▶ _WORKING DATA_:
+ + + + + + +

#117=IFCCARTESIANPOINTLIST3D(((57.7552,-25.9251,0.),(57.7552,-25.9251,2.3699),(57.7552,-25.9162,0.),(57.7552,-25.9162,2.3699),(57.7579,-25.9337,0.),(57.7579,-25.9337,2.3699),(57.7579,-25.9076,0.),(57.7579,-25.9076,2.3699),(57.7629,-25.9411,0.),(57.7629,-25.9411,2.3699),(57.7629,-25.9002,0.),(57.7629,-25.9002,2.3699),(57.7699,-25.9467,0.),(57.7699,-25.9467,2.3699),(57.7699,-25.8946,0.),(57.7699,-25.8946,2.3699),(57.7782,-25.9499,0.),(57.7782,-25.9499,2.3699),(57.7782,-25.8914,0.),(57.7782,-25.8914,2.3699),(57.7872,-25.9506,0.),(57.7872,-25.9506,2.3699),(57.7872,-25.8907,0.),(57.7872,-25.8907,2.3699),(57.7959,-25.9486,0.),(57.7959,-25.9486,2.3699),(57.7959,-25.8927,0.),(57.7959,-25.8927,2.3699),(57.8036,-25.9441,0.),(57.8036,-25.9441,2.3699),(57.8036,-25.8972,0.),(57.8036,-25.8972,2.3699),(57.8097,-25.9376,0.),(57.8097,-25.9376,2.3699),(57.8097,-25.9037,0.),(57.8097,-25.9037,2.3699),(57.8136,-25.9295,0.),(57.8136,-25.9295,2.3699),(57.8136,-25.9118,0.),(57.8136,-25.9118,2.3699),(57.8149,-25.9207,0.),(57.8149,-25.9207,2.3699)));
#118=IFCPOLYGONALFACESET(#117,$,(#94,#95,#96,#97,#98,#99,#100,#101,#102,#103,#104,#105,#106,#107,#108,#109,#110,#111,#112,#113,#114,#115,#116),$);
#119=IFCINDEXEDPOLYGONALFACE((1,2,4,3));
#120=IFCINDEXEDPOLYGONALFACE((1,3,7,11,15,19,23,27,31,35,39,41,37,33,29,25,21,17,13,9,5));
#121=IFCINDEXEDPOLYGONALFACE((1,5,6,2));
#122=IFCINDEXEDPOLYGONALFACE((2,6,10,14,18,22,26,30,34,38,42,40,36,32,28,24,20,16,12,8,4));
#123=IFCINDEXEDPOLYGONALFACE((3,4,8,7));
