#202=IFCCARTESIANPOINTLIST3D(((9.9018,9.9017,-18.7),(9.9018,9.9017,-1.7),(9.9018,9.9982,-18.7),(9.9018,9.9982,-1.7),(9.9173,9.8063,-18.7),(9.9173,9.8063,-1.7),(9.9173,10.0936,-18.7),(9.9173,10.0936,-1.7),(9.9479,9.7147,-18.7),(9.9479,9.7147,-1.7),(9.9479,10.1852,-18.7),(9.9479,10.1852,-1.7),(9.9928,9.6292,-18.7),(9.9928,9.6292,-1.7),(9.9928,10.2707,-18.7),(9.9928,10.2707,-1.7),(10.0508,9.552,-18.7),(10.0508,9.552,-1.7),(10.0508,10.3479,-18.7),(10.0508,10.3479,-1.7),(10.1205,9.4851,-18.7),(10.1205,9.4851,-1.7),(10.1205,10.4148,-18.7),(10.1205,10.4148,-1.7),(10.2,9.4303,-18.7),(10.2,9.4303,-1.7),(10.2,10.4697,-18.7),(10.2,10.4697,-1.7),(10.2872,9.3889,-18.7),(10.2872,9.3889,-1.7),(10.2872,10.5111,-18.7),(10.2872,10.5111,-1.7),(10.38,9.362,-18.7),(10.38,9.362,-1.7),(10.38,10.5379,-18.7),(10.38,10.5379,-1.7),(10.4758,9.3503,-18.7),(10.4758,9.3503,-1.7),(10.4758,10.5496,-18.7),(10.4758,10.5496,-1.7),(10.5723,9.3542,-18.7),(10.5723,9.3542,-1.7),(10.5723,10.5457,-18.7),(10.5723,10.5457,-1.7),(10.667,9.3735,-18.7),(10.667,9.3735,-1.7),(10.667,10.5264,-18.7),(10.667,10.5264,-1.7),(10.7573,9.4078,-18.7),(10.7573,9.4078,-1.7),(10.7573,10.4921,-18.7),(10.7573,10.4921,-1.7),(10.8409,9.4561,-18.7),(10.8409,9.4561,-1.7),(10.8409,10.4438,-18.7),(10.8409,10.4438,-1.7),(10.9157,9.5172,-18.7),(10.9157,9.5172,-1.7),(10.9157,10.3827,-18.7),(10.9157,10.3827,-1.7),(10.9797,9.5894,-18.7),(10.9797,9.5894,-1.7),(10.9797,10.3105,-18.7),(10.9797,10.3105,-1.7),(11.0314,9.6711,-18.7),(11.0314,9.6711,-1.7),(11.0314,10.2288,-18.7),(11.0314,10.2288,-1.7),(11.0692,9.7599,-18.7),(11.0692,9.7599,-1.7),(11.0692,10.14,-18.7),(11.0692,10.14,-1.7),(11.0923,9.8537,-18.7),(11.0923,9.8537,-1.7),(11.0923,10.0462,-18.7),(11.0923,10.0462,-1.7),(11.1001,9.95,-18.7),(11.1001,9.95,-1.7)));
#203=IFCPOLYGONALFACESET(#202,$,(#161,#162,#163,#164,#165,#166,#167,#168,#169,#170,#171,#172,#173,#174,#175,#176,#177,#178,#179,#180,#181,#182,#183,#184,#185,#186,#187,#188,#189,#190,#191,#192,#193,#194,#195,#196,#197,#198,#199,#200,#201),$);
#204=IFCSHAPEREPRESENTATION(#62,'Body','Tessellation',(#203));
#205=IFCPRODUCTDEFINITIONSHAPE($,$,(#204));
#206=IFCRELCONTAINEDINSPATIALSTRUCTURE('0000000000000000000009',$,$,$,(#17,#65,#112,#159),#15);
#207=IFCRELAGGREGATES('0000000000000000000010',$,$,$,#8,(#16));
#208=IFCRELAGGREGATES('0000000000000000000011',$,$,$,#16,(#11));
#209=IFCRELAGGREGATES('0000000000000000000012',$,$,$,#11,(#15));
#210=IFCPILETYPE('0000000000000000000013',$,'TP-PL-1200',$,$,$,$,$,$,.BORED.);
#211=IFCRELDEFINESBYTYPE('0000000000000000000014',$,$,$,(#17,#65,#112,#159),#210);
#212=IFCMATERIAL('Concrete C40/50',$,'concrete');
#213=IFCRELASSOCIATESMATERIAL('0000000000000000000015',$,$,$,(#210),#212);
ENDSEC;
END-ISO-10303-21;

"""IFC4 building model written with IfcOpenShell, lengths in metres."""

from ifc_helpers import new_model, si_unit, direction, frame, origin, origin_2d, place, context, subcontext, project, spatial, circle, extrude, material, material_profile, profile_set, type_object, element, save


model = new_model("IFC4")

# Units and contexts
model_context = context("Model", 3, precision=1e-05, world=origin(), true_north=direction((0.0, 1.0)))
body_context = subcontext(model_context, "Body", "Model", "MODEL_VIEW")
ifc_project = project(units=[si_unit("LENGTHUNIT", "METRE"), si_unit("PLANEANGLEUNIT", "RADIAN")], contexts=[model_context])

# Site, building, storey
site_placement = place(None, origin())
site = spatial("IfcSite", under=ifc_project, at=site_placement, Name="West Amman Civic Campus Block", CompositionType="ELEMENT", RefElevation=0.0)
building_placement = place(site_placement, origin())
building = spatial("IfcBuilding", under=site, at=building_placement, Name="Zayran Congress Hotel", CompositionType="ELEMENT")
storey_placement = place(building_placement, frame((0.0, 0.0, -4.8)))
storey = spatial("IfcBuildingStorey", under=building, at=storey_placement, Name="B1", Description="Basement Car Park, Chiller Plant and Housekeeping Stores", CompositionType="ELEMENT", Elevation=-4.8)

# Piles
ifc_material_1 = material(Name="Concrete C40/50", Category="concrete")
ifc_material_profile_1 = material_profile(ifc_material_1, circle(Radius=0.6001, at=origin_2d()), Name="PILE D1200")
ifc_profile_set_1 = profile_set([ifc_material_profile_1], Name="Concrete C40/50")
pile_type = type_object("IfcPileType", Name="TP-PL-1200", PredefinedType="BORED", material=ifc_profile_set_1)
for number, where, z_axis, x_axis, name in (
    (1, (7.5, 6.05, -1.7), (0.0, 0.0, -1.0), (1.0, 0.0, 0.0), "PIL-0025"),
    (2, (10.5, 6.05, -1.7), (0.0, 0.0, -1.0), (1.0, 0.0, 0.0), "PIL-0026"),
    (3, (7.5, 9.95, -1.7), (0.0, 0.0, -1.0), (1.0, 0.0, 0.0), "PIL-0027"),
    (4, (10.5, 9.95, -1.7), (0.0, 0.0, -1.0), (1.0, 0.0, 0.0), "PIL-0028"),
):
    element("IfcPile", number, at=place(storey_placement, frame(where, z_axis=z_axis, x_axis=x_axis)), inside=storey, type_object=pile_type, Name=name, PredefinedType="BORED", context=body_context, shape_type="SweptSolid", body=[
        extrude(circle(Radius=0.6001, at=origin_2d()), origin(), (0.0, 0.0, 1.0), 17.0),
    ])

+ + + + + + +

▶ _WHAT YOU WILL DO_: Exactly those lines that run from the start of the listing to the line containing "#121=IFCINDEXEDPOLYGONALFACE((1,5,6,2));" should be output, and no others.

▶ _WRITTEN RESPONSE_:
#117=IFCCARTESIANPOINTLIST3D(((57.7552,-25.9251,0.),(57.7552,-25.9251,2.3699),(57.7552,-25.9162,0.),(57.7552,-25.9162,2.3699),(57.7579,-25.9337,0.),(57.7579,-25.9337,2.3699),(57.7579,-25.9076,0.),(57.7579,-25.9076,2.3699),(57.7629,-25.9411,0.),(57.7629,-25.9411,2.3699),(57.7629,-25.9002,0.),(57.7629,-25.9002,2.3699),(57.7699,-25.9467,0.),(57.7699,-25.9467,2.3699),(57.7699,-25.8946,0.),(57.7699,-25.8946,2.3699),(57.7782,-25.9499,0.),(57.7782,-25.9499,2.3699),(57.7782,-25.8914,0.),(57.7782,-25.8914,2.3699),(57.7872,-25.9506,0.),(57.7872,-25.9506,2.3699),(57.7872,-25.8907,0.),(57.7872,-25.8907,2.3699),(57.7959,-25.9486,0.),(57.7959,-25.9486,2.3699),(57.7959,-25.8927,0.),(57.7959,-25.8927,2.3699),(57.8036,-25.9441,0.),(57.8036,-25.9441,2.3699),(57.8036,-25.8972,0.),(57.8036,-25.8972,2.3699),(57.8097,-25.9376,0.),(57.8097,-25.9376,2.3699),(57.8097,-25.9037,0.),(57.8097,-25.9037,2.3699),(57.8136,-25.9295,0.),(57.8136,-25.9295,2.3699),(57.8136,-25.9118,0.),(57.8136,-25.9118,2.3699),(57.8149,-25.9207,0.),(57.8149,-25.9207,2.3699)));
#118=IFCPOLYGONALFACESET(#117,$,(#94,#95,#96,#97,#98,#99,#100,#101,#102,#103,#104,#105,#106,#107,#108,#109,#110,#111,#112,#113,#114,#115,#116),$);
#119=IFCINDEXEDPOLYGONALFACE((1,2,4,3));
#120=IFCINDEXEDPOLYGONALFACE((1,3,7,11,15,19,23,27,31,35,39,41,37,33,29,25,21,17,13,9,5));
#121=IFCINDEXEDPOLYGONALFACE((1,5,6,2));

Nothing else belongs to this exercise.